In the material below, find the line with "#86=IFCINDEXEDPOLYGONALFACE((1,5,6,2));" and the line with "#93=IFCINDEXEDPOLYGONALFACE((13,15,16,14));", then output those two lines and every line between them, exactly.

%%

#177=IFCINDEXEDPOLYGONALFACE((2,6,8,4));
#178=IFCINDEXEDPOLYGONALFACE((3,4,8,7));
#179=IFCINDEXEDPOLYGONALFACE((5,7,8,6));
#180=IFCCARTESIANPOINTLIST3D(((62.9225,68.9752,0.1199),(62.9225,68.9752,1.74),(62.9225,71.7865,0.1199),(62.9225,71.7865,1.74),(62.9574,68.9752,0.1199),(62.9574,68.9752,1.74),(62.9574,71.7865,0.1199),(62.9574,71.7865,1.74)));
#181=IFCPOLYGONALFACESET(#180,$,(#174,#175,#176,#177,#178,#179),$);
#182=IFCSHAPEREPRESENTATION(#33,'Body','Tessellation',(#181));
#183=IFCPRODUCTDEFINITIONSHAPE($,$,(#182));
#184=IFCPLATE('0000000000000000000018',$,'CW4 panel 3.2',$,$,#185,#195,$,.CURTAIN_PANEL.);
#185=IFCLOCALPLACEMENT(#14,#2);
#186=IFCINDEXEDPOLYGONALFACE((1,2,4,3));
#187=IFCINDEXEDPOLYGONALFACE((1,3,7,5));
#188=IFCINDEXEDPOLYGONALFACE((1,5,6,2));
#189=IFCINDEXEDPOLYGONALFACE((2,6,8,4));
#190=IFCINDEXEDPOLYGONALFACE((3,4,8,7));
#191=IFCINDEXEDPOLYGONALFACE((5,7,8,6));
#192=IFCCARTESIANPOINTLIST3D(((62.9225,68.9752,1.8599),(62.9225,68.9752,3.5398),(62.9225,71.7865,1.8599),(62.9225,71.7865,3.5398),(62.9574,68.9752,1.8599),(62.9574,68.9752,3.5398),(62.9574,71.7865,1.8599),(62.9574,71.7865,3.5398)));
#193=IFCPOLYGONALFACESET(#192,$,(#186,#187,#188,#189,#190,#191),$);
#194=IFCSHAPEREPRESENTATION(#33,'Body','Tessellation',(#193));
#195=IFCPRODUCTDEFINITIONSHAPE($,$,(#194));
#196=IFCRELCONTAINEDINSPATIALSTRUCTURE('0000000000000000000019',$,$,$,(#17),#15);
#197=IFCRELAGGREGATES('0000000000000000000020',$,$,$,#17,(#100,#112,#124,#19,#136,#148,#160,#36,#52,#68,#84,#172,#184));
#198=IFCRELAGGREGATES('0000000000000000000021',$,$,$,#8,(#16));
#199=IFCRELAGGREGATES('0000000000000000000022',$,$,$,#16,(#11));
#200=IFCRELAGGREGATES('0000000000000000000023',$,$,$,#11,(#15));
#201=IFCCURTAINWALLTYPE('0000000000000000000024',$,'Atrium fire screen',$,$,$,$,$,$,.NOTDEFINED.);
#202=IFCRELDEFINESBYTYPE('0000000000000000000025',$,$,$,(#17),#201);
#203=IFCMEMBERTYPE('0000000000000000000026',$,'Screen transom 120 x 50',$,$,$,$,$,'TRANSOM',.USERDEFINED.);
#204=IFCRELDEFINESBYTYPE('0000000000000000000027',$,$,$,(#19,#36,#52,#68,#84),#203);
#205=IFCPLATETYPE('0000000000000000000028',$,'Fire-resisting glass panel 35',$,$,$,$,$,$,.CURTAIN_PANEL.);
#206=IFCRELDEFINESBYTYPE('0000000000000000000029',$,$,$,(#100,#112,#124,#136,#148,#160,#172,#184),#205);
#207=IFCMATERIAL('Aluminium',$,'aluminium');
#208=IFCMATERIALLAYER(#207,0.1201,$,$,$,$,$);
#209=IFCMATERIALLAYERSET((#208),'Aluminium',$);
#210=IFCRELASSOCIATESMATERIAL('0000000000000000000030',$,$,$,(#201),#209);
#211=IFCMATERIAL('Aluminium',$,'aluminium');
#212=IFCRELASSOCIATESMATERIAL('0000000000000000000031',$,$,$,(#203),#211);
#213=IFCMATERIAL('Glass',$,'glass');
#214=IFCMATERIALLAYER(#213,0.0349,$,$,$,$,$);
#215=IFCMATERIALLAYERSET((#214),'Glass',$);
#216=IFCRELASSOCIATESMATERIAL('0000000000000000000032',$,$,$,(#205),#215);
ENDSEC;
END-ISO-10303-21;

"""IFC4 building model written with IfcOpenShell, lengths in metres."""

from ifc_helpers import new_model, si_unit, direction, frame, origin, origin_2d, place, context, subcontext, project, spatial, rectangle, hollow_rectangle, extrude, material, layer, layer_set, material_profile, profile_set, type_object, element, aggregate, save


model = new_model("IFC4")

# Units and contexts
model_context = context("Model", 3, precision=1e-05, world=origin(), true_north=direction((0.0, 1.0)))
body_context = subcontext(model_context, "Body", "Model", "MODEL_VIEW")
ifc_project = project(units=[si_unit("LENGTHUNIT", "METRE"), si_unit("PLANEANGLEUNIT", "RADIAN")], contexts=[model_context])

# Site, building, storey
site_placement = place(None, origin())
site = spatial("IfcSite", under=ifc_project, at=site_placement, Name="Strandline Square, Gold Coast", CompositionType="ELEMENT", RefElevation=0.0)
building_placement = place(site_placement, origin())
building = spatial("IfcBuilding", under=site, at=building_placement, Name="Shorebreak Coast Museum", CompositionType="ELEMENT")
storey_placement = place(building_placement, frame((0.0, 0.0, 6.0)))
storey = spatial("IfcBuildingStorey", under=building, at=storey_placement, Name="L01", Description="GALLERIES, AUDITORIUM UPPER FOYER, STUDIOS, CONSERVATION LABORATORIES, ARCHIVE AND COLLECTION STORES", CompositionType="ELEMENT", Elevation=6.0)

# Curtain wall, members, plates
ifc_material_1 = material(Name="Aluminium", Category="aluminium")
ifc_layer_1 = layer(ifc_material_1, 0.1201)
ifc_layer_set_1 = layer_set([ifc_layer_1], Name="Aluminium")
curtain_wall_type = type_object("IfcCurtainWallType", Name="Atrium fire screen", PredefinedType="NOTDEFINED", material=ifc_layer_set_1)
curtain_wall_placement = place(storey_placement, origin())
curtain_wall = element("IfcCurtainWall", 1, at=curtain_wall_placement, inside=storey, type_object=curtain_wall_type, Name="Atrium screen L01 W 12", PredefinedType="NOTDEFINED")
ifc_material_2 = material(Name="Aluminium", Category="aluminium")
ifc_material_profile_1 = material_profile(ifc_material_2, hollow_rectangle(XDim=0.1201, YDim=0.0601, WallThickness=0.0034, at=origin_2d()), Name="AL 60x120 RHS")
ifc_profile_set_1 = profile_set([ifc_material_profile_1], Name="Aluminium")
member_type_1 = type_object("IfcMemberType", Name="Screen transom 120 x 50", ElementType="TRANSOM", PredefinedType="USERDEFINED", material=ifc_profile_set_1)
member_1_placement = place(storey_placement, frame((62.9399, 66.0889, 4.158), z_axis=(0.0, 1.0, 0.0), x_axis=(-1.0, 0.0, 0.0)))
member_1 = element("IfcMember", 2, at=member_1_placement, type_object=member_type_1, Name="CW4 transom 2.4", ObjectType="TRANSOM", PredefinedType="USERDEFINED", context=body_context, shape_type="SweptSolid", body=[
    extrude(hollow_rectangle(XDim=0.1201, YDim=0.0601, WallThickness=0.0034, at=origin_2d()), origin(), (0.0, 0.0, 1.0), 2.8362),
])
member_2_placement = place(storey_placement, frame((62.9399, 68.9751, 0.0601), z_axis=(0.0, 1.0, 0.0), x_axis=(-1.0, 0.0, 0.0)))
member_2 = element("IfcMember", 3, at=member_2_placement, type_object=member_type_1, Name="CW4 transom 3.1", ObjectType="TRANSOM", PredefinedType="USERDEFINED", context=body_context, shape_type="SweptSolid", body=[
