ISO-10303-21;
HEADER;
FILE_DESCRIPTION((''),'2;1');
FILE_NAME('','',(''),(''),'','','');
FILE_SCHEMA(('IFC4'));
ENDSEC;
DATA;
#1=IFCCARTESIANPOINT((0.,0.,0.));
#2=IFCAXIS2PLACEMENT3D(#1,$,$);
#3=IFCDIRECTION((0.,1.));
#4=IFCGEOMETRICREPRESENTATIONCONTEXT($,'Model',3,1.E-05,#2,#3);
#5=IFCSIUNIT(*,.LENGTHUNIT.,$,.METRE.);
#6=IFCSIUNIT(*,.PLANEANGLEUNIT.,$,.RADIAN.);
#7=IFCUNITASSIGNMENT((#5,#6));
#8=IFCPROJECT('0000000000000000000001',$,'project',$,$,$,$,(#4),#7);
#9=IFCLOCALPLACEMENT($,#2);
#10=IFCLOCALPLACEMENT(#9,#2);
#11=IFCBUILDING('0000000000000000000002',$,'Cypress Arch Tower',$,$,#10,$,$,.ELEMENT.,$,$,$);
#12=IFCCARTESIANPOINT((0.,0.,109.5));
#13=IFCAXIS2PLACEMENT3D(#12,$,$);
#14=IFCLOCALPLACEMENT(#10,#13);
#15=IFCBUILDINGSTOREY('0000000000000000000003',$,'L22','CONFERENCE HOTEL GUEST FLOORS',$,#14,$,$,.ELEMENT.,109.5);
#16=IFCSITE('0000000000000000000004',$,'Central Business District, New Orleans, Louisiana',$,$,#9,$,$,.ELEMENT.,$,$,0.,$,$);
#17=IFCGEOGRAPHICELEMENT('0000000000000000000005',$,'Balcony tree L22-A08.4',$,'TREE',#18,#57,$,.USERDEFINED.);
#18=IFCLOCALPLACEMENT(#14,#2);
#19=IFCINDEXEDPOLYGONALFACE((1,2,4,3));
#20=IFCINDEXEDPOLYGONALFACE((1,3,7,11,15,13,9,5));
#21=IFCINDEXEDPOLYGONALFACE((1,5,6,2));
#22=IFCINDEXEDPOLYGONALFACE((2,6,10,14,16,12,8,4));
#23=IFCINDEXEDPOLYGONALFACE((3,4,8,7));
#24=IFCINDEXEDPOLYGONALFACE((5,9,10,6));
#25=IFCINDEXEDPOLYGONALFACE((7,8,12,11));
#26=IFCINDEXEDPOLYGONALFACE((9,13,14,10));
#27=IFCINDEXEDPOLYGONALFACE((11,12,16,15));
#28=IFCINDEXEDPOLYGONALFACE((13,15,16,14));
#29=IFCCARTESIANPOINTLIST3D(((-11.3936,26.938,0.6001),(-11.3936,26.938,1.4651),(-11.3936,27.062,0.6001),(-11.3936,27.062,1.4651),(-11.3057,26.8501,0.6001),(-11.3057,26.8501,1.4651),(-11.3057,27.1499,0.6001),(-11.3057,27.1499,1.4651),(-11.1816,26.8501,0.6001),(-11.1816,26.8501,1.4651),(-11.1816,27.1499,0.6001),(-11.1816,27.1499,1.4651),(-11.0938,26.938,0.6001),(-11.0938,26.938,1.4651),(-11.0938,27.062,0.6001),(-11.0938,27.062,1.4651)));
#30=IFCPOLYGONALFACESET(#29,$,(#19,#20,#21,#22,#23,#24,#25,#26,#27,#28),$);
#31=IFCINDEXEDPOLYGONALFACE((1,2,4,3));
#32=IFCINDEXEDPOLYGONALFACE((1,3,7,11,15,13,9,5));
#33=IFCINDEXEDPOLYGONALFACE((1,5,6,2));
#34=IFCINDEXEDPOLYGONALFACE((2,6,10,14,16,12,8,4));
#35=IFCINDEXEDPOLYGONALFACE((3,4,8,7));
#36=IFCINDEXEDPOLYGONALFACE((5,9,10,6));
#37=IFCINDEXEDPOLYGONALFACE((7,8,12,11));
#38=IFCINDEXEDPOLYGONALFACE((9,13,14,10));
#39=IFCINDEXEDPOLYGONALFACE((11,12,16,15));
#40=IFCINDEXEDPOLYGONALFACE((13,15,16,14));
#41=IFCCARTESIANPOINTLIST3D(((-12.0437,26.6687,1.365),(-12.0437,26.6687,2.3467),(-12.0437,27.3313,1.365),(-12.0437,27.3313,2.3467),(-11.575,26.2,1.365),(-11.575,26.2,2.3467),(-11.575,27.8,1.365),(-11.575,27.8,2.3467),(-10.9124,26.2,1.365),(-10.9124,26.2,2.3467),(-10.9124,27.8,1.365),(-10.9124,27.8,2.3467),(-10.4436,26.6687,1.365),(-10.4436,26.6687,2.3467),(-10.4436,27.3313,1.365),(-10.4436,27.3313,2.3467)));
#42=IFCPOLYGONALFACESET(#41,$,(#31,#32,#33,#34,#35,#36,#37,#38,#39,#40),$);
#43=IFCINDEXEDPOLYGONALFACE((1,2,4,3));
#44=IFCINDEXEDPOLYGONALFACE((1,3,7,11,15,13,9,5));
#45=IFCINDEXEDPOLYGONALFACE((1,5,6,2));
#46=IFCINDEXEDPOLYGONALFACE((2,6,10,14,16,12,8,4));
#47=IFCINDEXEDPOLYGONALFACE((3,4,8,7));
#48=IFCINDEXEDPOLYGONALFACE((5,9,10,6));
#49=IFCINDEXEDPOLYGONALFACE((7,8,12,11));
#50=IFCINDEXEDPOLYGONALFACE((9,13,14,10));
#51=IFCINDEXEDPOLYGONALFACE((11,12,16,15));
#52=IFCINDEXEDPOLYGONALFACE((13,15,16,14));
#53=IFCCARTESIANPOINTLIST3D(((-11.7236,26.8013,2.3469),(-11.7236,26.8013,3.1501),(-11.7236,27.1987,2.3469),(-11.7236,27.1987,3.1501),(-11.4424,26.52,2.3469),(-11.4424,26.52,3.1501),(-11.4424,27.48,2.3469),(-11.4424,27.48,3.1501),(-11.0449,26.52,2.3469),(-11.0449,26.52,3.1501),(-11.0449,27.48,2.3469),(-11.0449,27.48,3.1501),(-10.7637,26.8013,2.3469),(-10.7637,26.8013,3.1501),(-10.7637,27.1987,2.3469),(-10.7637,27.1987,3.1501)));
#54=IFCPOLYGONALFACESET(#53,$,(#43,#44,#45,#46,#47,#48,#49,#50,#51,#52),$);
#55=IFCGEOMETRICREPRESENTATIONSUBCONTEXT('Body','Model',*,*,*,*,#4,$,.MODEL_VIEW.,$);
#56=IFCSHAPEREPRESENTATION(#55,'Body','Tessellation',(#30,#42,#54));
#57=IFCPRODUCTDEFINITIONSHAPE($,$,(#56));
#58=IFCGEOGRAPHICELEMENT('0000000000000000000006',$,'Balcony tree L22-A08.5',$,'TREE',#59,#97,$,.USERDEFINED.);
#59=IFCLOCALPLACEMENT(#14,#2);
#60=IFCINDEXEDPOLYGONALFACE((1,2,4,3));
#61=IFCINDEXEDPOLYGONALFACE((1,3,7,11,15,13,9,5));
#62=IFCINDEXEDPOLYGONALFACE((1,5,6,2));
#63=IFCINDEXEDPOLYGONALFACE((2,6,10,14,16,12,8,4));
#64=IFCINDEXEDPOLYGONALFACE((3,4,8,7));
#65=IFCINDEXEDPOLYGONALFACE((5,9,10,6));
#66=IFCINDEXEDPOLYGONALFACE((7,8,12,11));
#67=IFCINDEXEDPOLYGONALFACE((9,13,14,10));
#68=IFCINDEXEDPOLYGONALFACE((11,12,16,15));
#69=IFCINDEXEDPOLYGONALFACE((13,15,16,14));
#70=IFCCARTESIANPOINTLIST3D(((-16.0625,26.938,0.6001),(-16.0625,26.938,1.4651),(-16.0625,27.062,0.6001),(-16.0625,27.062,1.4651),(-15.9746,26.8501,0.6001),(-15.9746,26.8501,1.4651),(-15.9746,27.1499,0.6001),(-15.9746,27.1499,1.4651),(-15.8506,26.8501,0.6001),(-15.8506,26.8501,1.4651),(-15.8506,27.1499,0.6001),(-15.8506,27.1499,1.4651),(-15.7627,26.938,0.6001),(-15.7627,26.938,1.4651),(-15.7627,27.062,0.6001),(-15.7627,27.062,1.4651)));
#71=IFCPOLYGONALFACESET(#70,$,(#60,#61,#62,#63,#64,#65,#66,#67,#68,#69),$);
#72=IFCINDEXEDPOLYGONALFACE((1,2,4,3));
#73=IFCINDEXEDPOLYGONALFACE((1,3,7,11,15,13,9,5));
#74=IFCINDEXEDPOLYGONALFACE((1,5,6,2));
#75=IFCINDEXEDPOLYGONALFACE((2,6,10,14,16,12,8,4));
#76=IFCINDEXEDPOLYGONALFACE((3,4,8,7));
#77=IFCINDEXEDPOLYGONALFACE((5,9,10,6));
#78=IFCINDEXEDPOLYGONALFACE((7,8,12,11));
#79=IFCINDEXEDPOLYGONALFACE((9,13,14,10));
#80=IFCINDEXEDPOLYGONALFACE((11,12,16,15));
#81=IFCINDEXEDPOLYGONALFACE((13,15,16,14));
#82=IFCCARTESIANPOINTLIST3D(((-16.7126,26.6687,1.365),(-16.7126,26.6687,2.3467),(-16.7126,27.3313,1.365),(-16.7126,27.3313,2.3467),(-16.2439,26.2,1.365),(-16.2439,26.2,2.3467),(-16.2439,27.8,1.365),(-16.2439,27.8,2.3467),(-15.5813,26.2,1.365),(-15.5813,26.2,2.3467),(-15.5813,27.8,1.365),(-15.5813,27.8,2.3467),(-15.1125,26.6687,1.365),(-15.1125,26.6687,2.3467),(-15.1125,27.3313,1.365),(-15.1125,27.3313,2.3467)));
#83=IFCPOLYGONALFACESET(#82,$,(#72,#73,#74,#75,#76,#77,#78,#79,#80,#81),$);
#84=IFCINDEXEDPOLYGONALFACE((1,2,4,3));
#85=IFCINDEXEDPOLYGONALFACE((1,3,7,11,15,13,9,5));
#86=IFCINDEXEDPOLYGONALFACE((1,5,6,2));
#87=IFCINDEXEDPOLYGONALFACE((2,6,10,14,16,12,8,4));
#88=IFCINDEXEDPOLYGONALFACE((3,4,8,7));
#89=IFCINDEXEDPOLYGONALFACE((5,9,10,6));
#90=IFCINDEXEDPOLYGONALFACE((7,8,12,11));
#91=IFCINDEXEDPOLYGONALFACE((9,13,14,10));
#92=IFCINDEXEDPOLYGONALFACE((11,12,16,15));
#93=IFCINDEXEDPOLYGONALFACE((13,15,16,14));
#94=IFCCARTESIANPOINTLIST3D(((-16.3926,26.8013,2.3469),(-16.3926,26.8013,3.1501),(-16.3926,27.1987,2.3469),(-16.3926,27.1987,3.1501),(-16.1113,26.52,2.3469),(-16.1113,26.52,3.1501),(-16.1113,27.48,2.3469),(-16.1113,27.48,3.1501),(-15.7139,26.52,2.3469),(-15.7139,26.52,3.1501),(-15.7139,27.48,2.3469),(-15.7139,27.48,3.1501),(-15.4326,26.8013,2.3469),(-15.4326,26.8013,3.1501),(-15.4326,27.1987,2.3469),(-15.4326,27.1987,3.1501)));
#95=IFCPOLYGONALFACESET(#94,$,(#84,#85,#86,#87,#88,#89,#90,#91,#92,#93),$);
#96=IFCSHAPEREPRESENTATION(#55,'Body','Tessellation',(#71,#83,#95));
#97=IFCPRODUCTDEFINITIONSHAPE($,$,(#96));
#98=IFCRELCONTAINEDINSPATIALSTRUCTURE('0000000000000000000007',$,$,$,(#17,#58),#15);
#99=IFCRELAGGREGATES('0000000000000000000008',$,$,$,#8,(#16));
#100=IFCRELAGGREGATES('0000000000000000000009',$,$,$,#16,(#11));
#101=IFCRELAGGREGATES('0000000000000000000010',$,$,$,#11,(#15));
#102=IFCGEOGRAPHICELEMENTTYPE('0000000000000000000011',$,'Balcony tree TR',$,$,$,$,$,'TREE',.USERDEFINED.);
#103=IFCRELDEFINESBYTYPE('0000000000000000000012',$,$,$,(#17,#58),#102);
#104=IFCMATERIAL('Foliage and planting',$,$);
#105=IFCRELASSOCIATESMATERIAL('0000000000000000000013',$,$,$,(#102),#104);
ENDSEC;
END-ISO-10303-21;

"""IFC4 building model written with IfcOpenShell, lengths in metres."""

from ifc_helpers import new_model, si_unit, direction, frame, origin, place, context, subcontext, project, spatial, polyline, outline, extrude, material, type_object, element, save


model = new_model("IFC4")

# Units and contexts
model_context = context("Model", 3, precision=1e-05, world=origin(), true_north=direction((0.0, 1.0)))
body_context = subcontext(model_context, "Body", "Model", "MODEL_VIEW")
ifc_project = project(units=[si_unit("LENGTHUNIT", "METRE"), si_unit("PLANEANGLEUNIT", "RADIAN")], contexts=[model_context])

# Site, building, storey
site_placement = place(None, origin())
site = spatial("IfcSite", under=ifc_project, at=site_placement, Name="Central Business District, New Orleans, Louisiana", CompositionType="ELEMENT", RefElevation=0.0)
building_placement = place(site_placement, origin())
building = spatial("IfcBuilding", under=site, at=building_placement, Name="Cypress Arch Tower", CompositionType="ELEMENT")
storey_placement = place(building_placement, frame((0.0, 0.0, 109.5)))
storey = spatial("IfcBuildingStorey", under=building, at=storey_placement, Name="L22", Description="CONFERENCE HOTEL GUEST FLOORS", CompositionType="ELEMENT", Elevation=109.5)

# Geographic elements
ifc_material_1 = material(Name="Foliage and planting")
geographic_element_type = type_object("IfcGeographicElementType", Name="Balcony tree TR", ElementType="TREE", PredefinedType="USERDEFINED", material=ifc_material_1)
for number, where, z_axis, x_axis, name in (
    (1, (-11.2437, 27.0, 0.6001), (0.0, 0.0, 1.0), (1.0, 0.0, 0.0), "Balcony tree L22-A08.4"),
    (2, (-15.9126, 27.0, 0.6001), (0.0, 0.0, 1.0), (1.0, 0.0, 0.0), "Balcony tree L22-A08.5"),
):
    element("IfcGeographicElement", number, at=place(storey_placement, frame(where, z_axis=z_axis, x_axis=x_axis)), inside=storey, type_object=geographic_element_type, Name=name, ObjectType="TREE", PredefinedType="USERDEFINED", context=body_context, shape_type="SweptSolid", body=[
        extrude(outline(polyline([(0.1499, 0.062), (0.062, 0.1499), (-0.062, 0.1499), (-0.1499, 0.062), (-0.1499, -0.062), (-0.062, -0.1499), (0.062, -0.1499), (0.1499, -0.062), (0.1499, 0.062)])), origin(), (0.0, 0.0, 1.0), 0.865),
        extrude(outline(polyline([(0.8, 0.3313), (0.3313, 0.8), (-0.3313, 0.8), (-0.8, 0.3313), (-0.8, -0.3313), (-0.3313, -0.8), (0.3313, -0.8), (0.8, -0.3313), (0.8, 0.3313)])), frame((0.0, 0.0, 0.7649)), (0.0, 0.0, 1.0), 0.9817),
        extrude(outline(polyline([(0.48, 0.1987), (0.1987, 0.48), (-0.1987, 0.48), (-0.48, 0.1987), (-0.48, -0.1987), (-0.1987, -0.48), (0.1987, -0.48), (0.48, -0.1987), (0.48, 0.1987)])), frame((0.0, 0.0, 1.7468)), (0.0, 0.0, 1.0), 0.8032),
    ])

save(model, "model.ifc")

%%

• _Response to the task_
#86=IFCINDEXEDPOLYGONALFACE((1,5,6,2));
#87=IFCINDEXEDPOLYGONALFACE((2,6,10,14,16,12,8,4));
#88=IFCINDEXEDPOLYGONALFACE((3,4,8,7));
#89=IFCINDEXEDPOLYGONALFACE((5,9,10,6));
#90=IFCINDEXEDPOLYGONALFACE((7,8,12,11));
#91=IFCINDEXEDPOLYGONALFACE((9,13,14,10));
#92=IFCINDEXEDPOLYGONALFACE((11,12,16,15));
#93=IFCINDEXEDPOLYGONALFACE((13,15,16,14));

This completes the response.